*Exercise details*: Retype the full set of data, character for character.

Start of Data listing

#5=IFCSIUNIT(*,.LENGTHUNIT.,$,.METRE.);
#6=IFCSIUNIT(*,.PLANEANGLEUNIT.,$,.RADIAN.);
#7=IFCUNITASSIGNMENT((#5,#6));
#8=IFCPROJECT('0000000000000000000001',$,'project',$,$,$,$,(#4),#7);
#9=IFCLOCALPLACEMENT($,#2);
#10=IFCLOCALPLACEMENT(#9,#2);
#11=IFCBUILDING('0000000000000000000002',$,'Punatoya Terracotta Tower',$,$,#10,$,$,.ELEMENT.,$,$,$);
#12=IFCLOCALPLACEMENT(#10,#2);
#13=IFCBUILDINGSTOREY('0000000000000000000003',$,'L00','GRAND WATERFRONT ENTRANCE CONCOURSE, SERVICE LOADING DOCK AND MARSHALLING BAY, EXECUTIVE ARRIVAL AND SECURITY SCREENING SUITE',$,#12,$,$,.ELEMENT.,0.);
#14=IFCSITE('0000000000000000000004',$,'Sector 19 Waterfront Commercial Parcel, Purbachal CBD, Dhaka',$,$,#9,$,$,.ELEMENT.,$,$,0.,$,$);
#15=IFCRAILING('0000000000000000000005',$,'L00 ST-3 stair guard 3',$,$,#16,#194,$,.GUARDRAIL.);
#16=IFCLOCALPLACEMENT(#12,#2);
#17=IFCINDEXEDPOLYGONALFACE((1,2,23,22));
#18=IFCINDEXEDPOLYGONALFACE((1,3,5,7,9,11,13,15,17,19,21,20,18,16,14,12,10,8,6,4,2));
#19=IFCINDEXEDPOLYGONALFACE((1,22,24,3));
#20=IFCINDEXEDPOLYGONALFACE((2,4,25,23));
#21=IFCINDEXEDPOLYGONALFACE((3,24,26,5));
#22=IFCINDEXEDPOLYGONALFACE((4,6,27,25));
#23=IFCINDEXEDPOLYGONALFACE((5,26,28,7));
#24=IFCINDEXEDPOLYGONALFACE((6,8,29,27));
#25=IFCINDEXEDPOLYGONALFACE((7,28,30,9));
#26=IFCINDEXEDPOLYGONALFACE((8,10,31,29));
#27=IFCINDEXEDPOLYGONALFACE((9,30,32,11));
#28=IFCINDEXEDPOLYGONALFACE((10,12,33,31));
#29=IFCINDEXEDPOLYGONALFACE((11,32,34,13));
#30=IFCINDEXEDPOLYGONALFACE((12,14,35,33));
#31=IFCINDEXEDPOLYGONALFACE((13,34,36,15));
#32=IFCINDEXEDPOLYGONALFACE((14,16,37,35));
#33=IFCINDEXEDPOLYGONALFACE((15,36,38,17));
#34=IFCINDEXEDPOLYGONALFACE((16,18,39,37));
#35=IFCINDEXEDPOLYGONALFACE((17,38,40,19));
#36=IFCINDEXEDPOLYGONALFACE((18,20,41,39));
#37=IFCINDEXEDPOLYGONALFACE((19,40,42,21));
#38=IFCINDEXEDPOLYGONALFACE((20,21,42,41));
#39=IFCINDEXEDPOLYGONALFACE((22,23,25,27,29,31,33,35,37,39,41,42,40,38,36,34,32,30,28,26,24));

End of Data listing

*Answer section*:
#5=IFCSIUNIT(*,.LENGTHUNIT.,$,.METRE.);
#6=IFCSIUNIT(*,.PLANEANGLEUNIT.,$,.RADIAN.);
#7=IFCUNITASSIGNMENT((#5,#6));
#8=IFCPROJECT('0000000000000000000001',$,'project',$,$,$,$,(#4),#7);
#9=IFCLOCALPLACEMENT($,#2);
#10=IFCLOCALPLACEMENT(#9,#2);
#11=IFCBUILDING('0000000000000000000002',$,'Punatoya Terracotta Tower',$,$,#10,$,$,.ELEMENT.,$,$,$);
#12=IFCLOCALPLACEMENT(#10,#2);
#13=IFCBUILDINGSTOREY('0000000000000000000003',$,'L00','GRAND WATERFRONT ENTRANCE CONCOURSE, SERVICE LOADING DOCK AND MARSHALLING BAY, EXECUTIVE ARRIVAL AND SECURITY SCREENING SUITE',$,#12,$,$,.ELEMENT.,0.);
#14=IFCSITE('0000000000000000000004',$,'Sector 19 Waterfront Commercial Parcel, Purbachal CBD, Dhaka',$,$,#9,$,$,.ELEMENT.,$,$,0.,$,$);
#15=IFCRAILING('0000000000000000000005',$,'L00 ST-3 stair guard 3',$,$,#16,#194,$,.GUARDRAIL.);
#16=IFCLOCALPLACEMENT(#12,#2);
#17=IFCINDEXEDPOLYGONALFACE((1,2,23,22));
#18=IFCINDEXEDPOLYGONALFACE((1,3,5,7,9,11,13,15,17,19,21,20,18,16,14,12,10,8,6,4,2));
#19=IFCINDEXEDPOLYGONALFACE((1,22,24,3));
#20=IFCINDEXEDPOLYGONALFACE((2,4,25,23));
#21=IFCINDEXEDPOLYGONALFACE((3,24,26,5));
#22=IFCINDEXEDPOLYGONALFACE((4,6,27,25));
#23=IFCINDEXEDPOLYGONALFACE((5,26,28,7));
#24=IFCINDEXEDPOLYGONALFACE((6,8,29,27));
#25=IFCINDEXEDPOLYGONALFACE((7,28,30,9));
#26=IFCINDEXEDPOLYGONALFACE((8,10,31,29));
#27=IFCINDEXEDPOLYGONALFACE((9,30,32,11));
#28=IFCINDEXEDPOLYGONALFACE((10,12,33,31));
#29=IFCINDEXEDPOLYGONALFACE((11,32,34,13));
#30=IFCINDEXEDPOLYGONALFACE((12,14,35,33));
#31=IFCINDEXEDPOLYGONALFACE((13,34,36,15));
#32=IFCINDEXEDPOLYGONALFACE((14,16,37,35));
#33=IFCINDEXEDPOLYGONALFACE((15,36,38,17));
#34=IFCINDEXEDPOLYGONALFACE((16,18,39,37));
#35=IFCINDEXEDPOLYGONALFACE((17,38,40,19));
#36=IFCINDEXEDPOLYGONALFACE((18,20,41,39));
#37=IFCINDEXEDPOLYGONALFACE((19,40,42,21));
#38=IFCINDEXEDPOLYGONALFACE((20,21,42,41));
#39=IFCINDEXEDPOLYGONALFACE((22,23,25,27,29,31,33,35,37,39,41,42,40,38,36,34,32,30,28,26,24));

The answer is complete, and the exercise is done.